[Stored items from a collection]
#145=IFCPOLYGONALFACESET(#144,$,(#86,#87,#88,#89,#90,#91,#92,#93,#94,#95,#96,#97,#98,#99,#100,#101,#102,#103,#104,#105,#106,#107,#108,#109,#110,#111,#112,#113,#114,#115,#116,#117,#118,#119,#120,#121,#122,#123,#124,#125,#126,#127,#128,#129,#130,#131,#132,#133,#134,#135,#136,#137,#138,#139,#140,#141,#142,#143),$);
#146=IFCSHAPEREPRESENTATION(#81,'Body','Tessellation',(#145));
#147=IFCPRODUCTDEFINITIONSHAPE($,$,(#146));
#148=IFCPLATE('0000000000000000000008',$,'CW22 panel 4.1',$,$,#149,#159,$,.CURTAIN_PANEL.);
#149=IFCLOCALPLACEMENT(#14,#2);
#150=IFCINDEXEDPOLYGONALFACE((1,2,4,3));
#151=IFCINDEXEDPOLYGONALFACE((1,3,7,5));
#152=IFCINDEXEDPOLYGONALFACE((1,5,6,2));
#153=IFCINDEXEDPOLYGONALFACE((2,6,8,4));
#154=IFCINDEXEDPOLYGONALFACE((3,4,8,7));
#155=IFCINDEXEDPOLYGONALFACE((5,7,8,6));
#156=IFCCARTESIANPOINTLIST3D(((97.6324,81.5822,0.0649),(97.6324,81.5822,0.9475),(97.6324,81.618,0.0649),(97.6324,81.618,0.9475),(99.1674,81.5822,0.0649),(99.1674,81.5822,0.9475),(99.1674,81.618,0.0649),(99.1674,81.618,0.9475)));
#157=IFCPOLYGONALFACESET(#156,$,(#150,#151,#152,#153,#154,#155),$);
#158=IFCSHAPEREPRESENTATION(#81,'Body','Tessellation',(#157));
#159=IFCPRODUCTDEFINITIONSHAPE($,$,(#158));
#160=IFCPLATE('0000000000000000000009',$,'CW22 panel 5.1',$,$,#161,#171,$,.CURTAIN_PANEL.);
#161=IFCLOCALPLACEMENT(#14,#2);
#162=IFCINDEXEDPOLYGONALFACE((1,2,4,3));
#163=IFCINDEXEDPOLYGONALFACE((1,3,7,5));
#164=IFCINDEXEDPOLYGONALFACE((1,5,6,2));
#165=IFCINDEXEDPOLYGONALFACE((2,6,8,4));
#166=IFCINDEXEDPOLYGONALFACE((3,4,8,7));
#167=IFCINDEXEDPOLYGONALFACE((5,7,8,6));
* * *
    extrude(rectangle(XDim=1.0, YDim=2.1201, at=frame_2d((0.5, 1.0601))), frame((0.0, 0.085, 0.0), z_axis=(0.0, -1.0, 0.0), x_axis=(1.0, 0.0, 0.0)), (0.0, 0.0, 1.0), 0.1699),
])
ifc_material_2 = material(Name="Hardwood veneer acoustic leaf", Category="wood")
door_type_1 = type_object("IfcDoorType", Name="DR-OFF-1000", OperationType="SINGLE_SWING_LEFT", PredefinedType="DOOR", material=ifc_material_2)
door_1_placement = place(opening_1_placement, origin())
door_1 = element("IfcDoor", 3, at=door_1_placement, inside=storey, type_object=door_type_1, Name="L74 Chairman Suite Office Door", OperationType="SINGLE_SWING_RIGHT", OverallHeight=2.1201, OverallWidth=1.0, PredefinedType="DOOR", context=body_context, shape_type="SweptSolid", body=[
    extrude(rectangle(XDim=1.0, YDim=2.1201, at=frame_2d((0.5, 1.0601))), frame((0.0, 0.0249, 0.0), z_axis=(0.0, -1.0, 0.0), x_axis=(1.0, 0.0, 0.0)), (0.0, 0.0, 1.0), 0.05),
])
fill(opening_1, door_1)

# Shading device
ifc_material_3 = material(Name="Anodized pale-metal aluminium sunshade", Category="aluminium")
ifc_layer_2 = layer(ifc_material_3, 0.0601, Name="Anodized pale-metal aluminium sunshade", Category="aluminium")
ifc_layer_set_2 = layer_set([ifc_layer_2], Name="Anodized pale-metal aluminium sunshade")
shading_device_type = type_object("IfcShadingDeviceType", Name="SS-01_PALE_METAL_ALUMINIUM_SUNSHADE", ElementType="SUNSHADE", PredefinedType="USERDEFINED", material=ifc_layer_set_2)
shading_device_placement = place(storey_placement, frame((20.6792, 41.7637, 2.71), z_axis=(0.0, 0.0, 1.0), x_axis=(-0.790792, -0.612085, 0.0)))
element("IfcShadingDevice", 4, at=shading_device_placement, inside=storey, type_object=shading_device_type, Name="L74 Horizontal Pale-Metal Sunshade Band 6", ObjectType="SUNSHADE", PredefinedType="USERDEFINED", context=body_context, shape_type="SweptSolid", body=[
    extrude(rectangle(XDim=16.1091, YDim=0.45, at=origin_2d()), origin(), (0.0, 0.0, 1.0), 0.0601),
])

* What the task requires: The lines above that include "IFCSHAPEREPRESENTATION" should each be listed.

* Exercise result:
#146=IFCSHAPEREPRESENTATION(#81,'Body','Tessellation',(#145));
#158=IFCSHAPEREPRESENTATION(#81,'Body','Tessellation',(#157));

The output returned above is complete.